Work to complete:
Please print the entries below exactly, from the line with "#28=IFCPOLYGONALFACESET(#27,$,(#21,#22,#23,#24,#25,#26),$);" through the line with "#33=IFCLOCALPLACEMENT(#14,#2);", including both of those lines and leaving out all others.

Recorded information:
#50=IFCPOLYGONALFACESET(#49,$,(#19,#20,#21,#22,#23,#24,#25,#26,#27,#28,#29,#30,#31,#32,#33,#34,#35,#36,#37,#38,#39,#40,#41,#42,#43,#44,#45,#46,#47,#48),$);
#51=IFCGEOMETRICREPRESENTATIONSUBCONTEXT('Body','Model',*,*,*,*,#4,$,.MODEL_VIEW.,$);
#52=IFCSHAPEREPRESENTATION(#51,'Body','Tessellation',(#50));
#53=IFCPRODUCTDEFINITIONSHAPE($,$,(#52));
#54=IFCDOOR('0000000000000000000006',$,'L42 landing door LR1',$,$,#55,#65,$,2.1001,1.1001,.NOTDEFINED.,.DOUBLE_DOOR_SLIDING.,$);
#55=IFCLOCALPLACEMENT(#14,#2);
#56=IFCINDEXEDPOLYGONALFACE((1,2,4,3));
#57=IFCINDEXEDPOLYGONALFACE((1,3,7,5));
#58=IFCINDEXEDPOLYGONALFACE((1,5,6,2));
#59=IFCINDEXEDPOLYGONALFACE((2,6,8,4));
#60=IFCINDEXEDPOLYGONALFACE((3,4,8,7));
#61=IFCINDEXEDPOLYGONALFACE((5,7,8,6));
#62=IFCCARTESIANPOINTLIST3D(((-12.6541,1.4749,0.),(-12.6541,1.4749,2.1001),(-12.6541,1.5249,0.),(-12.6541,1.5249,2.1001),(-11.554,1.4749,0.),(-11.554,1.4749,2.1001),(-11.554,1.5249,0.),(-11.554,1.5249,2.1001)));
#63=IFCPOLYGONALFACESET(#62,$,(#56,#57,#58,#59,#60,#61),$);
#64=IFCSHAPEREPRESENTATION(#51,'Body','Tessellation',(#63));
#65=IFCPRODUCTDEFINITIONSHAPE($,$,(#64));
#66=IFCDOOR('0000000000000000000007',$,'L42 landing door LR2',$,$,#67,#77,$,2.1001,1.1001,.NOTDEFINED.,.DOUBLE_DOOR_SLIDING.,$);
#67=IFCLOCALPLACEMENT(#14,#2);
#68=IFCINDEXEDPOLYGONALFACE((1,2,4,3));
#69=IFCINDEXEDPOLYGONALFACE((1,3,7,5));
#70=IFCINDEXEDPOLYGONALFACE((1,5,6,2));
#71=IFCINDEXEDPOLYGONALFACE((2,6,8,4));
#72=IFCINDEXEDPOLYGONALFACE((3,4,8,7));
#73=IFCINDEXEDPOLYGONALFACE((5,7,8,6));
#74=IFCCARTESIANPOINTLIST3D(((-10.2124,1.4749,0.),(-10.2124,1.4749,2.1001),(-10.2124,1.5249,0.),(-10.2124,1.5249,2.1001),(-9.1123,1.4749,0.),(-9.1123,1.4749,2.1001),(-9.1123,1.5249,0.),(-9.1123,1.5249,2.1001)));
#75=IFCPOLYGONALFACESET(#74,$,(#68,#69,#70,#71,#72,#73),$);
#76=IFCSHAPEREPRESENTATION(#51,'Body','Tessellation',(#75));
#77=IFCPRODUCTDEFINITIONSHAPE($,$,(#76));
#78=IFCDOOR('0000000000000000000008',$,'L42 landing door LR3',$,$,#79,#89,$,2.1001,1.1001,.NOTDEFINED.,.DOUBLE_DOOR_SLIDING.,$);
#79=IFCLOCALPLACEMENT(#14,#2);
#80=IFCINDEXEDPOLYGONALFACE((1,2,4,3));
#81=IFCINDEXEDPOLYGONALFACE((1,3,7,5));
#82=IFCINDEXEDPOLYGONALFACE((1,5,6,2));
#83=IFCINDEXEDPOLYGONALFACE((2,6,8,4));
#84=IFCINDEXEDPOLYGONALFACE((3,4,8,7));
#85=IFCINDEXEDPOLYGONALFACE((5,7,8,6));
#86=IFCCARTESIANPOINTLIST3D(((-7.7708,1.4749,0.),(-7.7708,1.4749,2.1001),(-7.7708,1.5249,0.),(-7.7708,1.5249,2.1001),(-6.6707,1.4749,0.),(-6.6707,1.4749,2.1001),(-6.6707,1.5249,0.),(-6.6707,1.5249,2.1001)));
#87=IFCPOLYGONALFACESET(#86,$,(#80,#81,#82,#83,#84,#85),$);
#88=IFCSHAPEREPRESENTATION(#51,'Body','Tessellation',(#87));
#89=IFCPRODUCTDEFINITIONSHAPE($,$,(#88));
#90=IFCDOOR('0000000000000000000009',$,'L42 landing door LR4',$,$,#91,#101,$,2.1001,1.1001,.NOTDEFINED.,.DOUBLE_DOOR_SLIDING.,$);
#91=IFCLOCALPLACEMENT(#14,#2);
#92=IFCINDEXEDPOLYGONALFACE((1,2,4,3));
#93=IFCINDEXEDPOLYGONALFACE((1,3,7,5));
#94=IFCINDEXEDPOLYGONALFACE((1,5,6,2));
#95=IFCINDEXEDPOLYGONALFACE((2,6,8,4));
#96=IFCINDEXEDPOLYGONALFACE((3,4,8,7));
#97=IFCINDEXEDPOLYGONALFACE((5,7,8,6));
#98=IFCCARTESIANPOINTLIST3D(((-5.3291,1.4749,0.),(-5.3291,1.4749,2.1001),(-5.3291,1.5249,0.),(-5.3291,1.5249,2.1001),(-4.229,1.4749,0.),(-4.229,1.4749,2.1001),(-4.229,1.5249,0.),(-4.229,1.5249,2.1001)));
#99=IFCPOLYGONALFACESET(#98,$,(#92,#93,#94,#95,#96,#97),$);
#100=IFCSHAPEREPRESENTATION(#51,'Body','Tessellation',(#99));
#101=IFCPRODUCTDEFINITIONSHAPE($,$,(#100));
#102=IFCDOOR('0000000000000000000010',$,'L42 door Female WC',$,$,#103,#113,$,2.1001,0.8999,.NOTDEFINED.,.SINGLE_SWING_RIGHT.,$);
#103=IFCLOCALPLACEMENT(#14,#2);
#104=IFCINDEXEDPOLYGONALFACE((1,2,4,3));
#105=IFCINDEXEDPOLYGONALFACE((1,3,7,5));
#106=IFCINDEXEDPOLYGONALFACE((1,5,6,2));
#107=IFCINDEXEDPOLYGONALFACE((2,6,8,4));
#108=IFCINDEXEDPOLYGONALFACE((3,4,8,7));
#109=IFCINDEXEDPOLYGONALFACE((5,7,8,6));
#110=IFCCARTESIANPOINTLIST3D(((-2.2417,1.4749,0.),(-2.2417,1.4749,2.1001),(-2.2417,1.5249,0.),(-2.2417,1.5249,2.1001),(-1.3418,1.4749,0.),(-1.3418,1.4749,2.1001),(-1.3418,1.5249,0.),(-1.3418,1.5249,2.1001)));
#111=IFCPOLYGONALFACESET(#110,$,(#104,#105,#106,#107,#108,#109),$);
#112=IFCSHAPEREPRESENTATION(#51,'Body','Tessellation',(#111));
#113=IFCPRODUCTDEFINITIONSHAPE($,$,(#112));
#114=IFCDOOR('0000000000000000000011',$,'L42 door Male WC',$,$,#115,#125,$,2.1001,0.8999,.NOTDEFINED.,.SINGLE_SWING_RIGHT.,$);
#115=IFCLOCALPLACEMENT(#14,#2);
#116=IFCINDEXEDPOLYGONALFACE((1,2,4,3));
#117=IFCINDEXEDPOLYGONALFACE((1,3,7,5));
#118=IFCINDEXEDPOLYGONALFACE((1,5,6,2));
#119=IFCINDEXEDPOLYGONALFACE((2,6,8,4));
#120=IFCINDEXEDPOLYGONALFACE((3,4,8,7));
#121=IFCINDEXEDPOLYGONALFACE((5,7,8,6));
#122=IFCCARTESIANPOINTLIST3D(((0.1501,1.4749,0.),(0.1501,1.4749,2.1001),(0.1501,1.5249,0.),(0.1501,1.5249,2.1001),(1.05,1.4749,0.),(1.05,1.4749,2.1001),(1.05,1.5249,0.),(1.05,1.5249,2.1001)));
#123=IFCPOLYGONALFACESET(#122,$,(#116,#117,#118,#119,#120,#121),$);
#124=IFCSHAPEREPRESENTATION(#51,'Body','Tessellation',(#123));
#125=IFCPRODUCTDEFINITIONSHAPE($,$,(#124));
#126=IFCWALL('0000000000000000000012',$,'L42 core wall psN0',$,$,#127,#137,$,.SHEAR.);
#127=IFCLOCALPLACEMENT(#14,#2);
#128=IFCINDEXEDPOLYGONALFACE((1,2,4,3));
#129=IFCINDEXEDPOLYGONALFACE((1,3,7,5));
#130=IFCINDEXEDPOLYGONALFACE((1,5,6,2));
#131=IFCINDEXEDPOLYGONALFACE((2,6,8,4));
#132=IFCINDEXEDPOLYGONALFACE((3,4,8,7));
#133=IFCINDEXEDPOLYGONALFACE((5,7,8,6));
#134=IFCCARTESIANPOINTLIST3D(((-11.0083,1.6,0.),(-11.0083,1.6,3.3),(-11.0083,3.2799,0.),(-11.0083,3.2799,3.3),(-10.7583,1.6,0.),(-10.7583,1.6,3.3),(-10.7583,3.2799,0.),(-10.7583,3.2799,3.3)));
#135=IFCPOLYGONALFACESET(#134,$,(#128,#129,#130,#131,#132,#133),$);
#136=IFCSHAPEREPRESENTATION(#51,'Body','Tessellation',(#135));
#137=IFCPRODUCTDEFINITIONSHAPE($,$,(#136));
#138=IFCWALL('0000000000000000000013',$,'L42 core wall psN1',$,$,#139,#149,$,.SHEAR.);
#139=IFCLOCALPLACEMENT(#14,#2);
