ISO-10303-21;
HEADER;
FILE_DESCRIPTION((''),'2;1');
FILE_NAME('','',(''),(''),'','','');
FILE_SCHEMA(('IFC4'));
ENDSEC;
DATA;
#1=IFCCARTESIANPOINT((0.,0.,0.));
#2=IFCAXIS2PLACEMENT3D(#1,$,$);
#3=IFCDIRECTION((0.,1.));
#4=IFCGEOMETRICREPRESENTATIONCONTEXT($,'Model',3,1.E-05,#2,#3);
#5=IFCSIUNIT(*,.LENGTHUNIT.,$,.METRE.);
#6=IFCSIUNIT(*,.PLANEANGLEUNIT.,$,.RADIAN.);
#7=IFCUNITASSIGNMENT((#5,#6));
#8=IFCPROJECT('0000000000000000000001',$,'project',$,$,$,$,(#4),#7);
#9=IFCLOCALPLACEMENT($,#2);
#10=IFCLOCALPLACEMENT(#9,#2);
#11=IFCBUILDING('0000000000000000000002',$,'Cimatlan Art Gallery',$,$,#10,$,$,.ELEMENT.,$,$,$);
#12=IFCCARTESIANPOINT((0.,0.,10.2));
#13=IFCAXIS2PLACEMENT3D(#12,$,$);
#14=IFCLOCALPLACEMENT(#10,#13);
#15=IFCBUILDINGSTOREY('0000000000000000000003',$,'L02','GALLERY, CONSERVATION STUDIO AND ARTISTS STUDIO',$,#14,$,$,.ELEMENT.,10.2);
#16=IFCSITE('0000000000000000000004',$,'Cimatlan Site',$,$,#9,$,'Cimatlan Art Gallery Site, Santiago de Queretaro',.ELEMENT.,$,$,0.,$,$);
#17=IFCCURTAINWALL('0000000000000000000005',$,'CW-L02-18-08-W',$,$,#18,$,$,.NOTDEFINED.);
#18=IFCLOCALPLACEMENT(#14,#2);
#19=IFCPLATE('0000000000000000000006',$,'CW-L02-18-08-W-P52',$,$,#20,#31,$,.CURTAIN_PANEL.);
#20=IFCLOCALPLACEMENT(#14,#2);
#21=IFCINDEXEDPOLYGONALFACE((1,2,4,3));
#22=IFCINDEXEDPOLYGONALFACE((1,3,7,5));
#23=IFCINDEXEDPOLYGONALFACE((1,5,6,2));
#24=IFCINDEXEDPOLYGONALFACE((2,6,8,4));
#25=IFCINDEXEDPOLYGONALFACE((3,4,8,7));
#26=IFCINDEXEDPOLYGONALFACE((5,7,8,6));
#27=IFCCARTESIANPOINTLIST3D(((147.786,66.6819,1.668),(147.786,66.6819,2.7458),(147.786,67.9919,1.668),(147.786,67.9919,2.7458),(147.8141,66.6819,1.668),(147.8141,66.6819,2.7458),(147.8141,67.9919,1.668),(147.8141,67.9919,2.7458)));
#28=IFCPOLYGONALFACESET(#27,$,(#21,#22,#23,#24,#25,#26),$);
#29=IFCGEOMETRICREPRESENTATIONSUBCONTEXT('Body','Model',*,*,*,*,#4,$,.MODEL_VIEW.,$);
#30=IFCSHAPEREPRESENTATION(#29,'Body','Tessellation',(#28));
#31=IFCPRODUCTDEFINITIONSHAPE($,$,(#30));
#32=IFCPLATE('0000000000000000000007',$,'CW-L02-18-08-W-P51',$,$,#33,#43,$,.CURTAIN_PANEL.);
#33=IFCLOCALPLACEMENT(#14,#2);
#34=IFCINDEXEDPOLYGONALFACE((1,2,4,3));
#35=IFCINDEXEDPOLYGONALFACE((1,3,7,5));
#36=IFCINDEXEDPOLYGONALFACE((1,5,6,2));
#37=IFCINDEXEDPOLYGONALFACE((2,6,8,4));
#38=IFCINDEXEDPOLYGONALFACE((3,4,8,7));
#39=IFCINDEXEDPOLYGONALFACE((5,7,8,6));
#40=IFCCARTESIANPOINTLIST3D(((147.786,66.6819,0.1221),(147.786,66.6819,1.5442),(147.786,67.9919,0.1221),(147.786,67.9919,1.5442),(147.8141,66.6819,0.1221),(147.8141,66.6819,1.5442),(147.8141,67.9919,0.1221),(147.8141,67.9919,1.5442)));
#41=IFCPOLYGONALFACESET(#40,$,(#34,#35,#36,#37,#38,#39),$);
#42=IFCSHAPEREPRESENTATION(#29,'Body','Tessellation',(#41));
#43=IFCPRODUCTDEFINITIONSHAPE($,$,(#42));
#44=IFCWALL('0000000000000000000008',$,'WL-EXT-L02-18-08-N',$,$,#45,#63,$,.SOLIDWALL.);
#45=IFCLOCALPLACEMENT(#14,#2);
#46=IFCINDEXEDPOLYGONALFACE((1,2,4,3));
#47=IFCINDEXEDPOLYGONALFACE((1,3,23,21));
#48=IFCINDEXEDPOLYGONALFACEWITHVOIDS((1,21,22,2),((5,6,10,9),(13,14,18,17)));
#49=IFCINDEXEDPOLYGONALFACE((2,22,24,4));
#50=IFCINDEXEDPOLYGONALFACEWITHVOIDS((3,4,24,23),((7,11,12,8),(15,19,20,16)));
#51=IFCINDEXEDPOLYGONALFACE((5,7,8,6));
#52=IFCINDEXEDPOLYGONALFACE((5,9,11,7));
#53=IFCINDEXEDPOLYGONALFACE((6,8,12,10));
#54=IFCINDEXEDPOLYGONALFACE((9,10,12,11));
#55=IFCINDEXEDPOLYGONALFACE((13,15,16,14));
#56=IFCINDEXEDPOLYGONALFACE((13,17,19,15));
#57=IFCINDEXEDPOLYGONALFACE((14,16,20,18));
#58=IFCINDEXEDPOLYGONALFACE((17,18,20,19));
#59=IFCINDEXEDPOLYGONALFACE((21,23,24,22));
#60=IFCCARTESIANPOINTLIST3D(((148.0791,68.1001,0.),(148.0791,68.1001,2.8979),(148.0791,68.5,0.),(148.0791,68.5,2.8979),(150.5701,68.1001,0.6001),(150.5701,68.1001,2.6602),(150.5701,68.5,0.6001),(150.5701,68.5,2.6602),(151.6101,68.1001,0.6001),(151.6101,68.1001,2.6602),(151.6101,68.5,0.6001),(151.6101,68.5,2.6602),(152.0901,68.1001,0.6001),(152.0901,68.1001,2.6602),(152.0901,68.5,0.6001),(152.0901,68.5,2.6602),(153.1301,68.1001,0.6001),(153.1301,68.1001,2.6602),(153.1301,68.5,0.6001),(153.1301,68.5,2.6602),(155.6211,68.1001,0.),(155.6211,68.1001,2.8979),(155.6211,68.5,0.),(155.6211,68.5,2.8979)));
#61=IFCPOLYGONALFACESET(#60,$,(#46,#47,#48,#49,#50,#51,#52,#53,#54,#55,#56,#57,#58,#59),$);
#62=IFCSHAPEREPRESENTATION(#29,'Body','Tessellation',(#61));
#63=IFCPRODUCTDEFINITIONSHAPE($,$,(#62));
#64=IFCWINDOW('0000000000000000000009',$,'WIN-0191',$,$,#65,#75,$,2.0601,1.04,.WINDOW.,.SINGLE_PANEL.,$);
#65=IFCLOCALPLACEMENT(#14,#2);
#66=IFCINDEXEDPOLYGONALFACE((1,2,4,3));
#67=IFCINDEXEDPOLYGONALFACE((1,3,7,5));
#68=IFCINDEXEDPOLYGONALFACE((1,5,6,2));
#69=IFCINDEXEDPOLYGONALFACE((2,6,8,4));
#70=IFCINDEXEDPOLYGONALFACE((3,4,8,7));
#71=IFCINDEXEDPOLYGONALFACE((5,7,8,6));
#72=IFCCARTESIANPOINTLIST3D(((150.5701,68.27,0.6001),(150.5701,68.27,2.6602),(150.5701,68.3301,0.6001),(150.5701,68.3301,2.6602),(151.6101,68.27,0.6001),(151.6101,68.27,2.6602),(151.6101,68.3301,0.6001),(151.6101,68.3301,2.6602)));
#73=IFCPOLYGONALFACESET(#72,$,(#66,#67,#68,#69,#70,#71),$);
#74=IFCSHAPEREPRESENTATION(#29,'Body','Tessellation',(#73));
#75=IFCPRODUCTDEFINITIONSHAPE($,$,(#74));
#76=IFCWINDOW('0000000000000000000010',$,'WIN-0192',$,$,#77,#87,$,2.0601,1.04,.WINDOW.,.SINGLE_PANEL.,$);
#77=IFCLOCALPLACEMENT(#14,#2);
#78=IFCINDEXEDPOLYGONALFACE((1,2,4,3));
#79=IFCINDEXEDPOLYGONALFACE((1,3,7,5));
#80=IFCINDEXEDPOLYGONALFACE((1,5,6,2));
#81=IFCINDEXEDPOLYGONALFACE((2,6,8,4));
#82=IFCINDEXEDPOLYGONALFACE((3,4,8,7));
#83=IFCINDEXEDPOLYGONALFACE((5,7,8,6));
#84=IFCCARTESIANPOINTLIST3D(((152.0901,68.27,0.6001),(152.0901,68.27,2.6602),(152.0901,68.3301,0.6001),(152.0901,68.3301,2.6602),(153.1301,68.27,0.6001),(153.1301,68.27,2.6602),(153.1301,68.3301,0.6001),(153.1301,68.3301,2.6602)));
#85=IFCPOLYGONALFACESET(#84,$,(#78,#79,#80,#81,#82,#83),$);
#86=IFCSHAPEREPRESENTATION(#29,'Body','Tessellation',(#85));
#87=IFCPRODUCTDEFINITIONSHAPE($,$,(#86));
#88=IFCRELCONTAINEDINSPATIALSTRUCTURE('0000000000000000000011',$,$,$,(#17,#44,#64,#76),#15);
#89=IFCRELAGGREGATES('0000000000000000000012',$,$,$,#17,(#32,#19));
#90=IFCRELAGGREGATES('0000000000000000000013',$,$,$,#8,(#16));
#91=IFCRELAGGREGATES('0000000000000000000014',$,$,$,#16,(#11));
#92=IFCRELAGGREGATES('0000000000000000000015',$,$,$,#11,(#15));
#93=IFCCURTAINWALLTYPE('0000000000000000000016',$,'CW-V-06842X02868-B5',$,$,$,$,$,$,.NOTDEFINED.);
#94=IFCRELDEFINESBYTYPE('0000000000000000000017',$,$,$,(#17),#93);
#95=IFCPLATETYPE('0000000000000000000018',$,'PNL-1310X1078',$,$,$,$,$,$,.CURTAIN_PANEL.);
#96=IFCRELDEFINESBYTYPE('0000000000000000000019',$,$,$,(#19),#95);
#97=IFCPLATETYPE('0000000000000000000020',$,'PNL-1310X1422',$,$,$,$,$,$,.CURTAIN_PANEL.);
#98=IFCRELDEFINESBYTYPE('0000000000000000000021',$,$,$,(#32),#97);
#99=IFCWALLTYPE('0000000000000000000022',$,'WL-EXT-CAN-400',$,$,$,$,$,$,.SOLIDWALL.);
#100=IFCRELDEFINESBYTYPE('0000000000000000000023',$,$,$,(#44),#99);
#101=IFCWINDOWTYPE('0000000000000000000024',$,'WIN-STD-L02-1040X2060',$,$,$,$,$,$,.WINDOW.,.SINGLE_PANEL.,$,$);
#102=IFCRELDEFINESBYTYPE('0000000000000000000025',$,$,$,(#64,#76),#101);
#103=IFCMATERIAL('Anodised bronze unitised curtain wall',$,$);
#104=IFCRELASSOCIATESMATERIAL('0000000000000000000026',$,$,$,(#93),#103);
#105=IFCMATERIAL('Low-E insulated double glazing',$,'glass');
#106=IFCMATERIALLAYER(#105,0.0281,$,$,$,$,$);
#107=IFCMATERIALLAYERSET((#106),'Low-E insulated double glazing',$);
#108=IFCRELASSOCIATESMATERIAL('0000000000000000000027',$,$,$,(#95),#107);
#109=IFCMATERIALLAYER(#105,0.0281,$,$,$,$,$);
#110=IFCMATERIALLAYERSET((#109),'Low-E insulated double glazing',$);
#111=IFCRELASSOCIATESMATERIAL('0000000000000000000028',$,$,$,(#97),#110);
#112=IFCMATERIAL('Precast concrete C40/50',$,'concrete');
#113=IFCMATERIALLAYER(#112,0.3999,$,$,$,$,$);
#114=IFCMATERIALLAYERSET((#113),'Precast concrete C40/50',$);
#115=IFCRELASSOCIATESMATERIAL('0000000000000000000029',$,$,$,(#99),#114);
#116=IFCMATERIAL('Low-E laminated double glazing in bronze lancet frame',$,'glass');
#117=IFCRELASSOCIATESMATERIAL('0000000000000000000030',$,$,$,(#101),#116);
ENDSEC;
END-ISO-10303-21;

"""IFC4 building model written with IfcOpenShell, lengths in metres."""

from ifc_helpers import new_model, si_unit, direction, frame, frame_2d, origin, origin_2d, place, context, subcontext, project, spatial, rectangle, extrude, material, layer, layer_set, type_object, element, fill, aggregate, save


model = new_model("IFC4")

# Units and contexts
model_context = context("Model", 3, precision=1e-05, world=origin(), true_north=direction((0.0, 1.0)))
body_context = subcontext(model_context, "Body", "Model", "MODEL_VIEW")
ifc_project = project(units=[si_unit("LENGTHUNIT", "METRE"), si_unit("PLANEANGLEUNIT", "RADIAN")], contexts=[model_context])

# Site, building, storey
site_placement = place(None, origin())
site = spatial("IfcSite", under=ifc_project, at=site_placement, Name="Cimatlan Site", LongName="Cimatlan Art Gallery Site, Santiago de Queretaro", CompositionType="ELEMENT", RefElevation=0.0)
building_placement = place(site_placement, origin())
building = spatial("IfcBuilding", under=site, at=building_placement, Name="Cimatlan Art Gallery", CompositionType="ELEMENT")
storey_placement = place(building_placement, frame((0.0, 0.0, 10.2)))
storey = spatial("IfcBuildingStorey", under=building, at=storey_placement, Name="L02", Description="GALLERY, CONSERVATION STUDIO AND ARTISTS STUDIO", CompositionType="ELEMENT", Elevation=10.2)

# Curtain wall, plates
ifc_material_1 = material(Name="Anodised bronze unitised curtain wall")
curtain_wall_type = type_object("IfcCurtainWallType", Name="CW-V-06842X02868-B5", PredefinedType="NOTDEFINED", material=ifc_material_1)
curtain_wall_placement = place(storey_placement, origin())
curtain_wall = element("IfcCurtainWall", 1, at=curtain_wall_placement, inside=storey, type_object=curtain_wall_type, Name="CW-L02-18-08-W", PredefinedType="NOTDEFINED")
ifc_material_2 = material(Name="Low-E insulated double glazing", Category="glass")
ifc_layer_1 = layer(ifc_material_2, 0.0281)
ifc_layer_set_1 = layer_set([ifc_layer_1], Name="Low-E insulated double glazing")
plate_type_1 = type_object("IfcPlateType", Name="PNL-1310X1078", PredefinedType="CURTAIN_PANEL", material=ifc_layer_set_1)
plate_1_placement = place(storey_placement, frame((147.8, 67.3369, 1.668), z_axis=(0.0, 0.0, 1.0), x_axis=(0.0, 1.0, 0.0)))
plate_1 = element("IfcPlate", 2, at=plate_1_placement, type_object=plate_type_1, Name="CW-L02-18-08-W-P52", PredefinedType="CURTAIN_PANEL", context=body_context, shape_type="SweptSolid", body=[
    extrude(rectangle(XDim=1.3101, YDim=0.0281, at=origin_2d()), origin(), (0.0, 0.0, 1.0), 1.0779),
])
ifc_layer_2 = layer(ifc_material_2, 0.0281)
ifc_layer_set_2 = layer_set([ifc_layer_2], Name="Low-E insulated double glazing")
plate_type_2 = type_object("IfcPlateType", Name="PNL-1310X1422", PredefinedType="CURTAIN_PANEL", material=ifc_layer_set_2)
plate_2_placement = place(storey_placement, frame((147.8, 67.3369, 0.1221), z_axis=(0.0, 0.0, 1.0), x_axis=(0.0, 1.0, 0.0)))
plate_2 = element("IfcPlate", 3, at=plate_2_placement, type_object=plate_type_2, Name="CW-L02-18-08-W-P51", PredefinedType="CURTAIN_PANEL", context=body_context, shape_type="SweptSolid", body=[
    extrude(rectangle(XDim=1.3101, YDim=0.0281, at=origin_2d()), origin(), (0.0, 0.0, 1.0), 1.4221),
])
aggregate(curtain_wall, [plate_2, plate_1])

Worked solution:
#28=IFCPOLYGONALFACESET(#27,$,(#21,#22,#23,#24,#25,#26),$);
#29=IFCGEOMETRICREPRESENTATIONSUBCONTEXT('Body','Model',*,*,*,*,#4,$,.MODEL_VIEW.,$);
#30=IFCSHAPEREPRESENTATION(#29,'Body','Tessellation',(#28));
#31=IFCPRODUCTDEFINITIONSHAPE($,$,(#30));
#32=IFCPLATE('0000000000000000000007',$,'CW-L02-18-08-W-P51',$,$,#33,#43,$,.CURTAIN_PANEL.);
#33=IFCLOCALPLACEMENT(#14,#2);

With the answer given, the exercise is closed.